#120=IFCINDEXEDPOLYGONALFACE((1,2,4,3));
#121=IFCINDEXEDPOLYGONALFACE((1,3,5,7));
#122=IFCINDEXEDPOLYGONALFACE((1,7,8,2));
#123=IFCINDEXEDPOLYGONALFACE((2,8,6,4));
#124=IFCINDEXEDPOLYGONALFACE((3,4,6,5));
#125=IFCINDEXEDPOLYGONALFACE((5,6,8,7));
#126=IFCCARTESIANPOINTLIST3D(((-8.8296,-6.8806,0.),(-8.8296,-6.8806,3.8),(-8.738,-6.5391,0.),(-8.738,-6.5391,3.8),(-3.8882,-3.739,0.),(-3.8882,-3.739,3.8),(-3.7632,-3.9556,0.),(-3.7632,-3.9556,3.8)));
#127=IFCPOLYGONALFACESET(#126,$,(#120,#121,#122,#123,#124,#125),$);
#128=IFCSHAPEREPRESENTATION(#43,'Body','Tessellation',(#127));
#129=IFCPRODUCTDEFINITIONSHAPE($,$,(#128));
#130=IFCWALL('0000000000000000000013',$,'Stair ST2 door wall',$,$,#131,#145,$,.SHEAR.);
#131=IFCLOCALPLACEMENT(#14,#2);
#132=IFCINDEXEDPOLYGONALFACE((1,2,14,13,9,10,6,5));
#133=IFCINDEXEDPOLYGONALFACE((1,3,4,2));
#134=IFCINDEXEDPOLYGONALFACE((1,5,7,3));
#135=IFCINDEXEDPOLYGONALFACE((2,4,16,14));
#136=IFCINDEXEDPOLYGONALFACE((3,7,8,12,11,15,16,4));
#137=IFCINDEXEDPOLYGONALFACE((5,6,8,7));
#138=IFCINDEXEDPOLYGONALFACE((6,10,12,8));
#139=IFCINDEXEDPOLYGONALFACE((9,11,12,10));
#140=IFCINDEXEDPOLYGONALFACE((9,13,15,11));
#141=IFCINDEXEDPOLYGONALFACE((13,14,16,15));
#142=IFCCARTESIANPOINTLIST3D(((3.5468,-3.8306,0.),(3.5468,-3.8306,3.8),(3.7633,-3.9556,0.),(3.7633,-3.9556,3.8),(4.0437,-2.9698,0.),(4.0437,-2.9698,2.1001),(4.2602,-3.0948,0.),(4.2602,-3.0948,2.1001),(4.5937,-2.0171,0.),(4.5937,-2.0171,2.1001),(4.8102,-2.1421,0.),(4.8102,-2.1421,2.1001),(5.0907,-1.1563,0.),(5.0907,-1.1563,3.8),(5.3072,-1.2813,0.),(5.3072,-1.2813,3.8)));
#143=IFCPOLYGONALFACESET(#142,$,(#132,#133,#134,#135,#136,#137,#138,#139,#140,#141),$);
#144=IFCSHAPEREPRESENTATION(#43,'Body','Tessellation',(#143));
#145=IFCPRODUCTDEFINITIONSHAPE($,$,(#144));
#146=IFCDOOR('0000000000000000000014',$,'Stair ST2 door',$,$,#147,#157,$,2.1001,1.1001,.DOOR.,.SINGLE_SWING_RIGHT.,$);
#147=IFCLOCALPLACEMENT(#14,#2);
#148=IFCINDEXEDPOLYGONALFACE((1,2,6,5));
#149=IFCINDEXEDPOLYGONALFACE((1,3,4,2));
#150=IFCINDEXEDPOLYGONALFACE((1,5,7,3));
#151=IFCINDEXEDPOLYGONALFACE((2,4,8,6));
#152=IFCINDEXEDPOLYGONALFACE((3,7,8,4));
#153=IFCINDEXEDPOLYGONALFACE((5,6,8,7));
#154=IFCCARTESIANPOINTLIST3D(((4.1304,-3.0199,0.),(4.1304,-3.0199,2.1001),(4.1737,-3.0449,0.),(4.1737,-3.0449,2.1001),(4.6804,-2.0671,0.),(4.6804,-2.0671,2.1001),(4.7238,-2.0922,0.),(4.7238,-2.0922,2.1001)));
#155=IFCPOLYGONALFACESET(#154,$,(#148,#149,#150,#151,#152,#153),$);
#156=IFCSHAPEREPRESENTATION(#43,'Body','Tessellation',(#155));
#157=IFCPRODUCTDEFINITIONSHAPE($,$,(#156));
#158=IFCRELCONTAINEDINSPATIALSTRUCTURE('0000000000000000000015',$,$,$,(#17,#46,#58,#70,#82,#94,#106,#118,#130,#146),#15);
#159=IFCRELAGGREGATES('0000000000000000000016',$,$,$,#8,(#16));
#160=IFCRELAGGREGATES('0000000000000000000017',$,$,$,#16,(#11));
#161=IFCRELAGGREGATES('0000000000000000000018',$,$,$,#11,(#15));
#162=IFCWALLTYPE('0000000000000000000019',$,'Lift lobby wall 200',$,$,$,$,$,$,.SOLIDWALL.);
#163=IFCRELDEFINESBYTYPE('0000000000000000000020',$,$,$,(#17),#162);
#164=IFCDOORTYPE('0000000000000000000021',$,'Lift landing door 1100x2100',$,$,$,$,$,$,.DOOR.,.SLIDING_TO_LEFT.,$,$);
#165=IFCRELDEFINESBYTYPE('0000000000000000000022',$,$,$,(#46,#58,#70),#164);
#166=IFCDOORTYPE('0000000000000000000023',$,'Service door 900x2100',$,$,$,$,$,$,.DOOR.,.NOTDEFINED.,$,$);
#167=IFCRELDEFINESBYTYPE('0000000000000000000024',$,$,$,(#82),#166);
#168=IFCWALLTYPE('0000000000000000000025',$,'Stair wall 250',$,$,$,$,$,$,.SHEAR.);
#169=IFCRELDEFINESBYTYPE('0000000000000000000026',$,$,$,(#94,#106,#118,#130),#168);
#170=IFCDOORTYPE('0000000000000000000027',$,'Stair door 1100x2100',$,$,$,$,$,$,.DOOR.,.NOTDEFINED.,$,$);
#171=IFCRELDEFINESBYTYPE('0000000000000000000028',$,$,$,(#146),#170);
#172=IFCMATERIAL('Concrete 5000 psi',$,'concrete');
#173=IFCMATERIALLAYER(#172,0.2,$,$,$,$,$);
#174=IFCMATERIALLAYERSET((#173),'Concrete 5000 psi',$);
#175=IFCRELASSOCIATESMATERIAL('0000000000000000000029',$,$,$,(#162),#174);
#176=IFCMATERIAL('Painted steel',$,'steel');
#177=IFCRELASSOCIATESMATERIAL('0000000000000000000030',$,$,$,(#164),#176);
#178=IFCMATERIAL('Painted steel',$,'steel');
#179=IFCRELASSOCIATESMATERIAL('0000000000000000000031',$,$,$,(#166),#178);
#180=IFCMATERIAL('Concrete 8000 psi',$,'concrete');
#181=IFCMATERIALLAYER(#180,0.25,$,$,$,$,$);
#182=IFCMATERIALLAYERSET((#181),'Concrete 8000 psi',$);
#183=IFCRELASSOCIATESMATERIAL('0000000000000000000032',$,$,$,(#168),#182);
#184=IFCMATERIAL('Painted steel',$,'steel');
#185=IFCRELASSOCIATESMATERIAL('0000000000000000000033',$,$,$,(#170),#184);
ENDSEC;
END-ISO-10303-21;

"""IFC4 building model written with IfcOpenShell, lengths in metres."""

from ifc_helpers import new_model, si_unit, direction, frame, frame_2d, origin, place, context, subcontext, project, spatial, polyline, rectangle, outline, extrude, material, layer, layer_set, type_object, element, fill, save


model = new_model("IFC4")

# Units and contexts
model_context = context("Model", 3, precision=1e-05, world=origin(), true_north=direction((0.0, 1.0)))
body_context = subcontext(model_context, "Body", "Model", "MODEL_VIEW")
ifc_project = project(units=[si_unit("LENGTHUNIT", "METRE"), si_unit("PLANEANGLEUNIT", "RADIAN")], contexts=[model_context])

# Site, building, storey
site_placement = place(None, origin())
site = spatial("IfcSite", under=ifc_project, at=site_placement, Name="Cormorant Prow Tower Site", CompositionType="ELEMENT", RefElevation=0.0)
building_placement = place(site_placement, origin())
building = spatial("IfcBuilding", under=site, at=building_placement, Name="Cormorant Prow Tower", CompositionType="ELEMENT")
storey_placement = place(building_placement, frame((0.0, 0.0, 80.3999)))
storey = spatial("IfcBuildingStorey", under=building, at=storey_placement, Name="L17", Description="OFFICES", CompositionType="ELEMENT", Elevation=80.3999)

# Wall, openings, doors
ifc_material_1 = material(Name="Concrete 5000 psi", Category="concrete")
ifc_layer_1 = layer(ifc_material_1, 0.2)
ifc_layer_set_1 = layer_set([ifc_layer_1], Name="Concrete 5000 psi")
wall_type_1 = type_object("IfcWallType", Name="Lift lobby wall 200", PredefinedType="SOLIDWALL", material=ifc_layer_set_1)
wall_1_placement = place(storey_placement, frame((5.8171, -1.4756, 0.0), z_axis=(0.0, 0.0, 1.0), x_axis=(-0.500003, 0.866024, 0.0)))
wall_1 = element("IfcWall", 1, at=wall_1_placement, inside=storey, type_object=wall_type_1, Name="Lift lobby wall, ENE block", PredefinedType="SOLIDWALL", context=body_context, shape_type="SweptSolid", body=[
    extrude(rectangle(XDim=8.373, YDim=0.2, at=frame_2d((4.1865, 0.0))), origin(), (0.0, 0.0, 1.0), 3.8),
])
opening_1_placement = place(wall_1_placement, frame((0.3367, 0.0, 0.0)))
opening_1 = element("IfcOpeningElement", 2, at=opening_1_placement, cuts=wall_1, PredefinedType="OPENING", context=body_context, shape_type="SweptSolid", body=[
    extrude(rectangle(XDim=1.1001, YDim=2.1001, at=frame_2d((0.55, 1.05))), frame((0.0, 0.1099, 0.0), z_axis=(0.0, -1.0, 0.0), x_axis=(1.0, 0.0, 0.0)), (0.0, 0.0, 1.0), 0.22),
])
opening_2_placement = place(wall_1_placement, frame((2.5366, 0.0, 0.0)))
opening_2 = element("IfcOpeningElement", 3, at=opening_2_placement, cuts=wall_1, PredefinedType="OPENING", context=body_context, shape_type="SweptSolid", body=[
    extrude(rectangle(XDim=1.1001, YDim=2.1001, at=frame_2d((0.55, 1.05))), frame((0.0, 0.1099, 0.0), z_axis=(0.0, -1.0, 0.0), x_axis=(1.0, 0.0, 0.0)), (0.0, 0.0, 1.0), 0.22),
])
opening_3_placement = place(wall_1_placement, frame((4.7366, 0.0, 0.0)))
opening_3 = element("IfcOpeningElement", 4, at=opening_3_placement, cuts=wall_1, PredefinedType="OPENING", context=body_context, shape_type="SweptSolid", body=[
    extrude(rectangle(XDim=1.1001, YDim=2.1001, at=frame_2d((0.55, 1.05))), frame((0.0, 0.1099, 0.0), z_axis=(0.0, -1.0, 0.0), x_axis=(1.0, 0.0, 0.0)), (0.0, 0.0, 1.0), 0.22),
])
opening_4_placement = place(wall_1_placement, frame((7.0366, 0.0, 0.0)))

*To do:* Only lines containing the word "IFCMATERIALLAYERSET" should appear in the answer, and every such line from the records above must be there.

*Answer:*
#174=IFCMATERIALLAYERSET((#173),'Concrete 5000 psi',$);
#182=IFCMATERIALLAYERSET((#181),'Concrete 8000 psi',$);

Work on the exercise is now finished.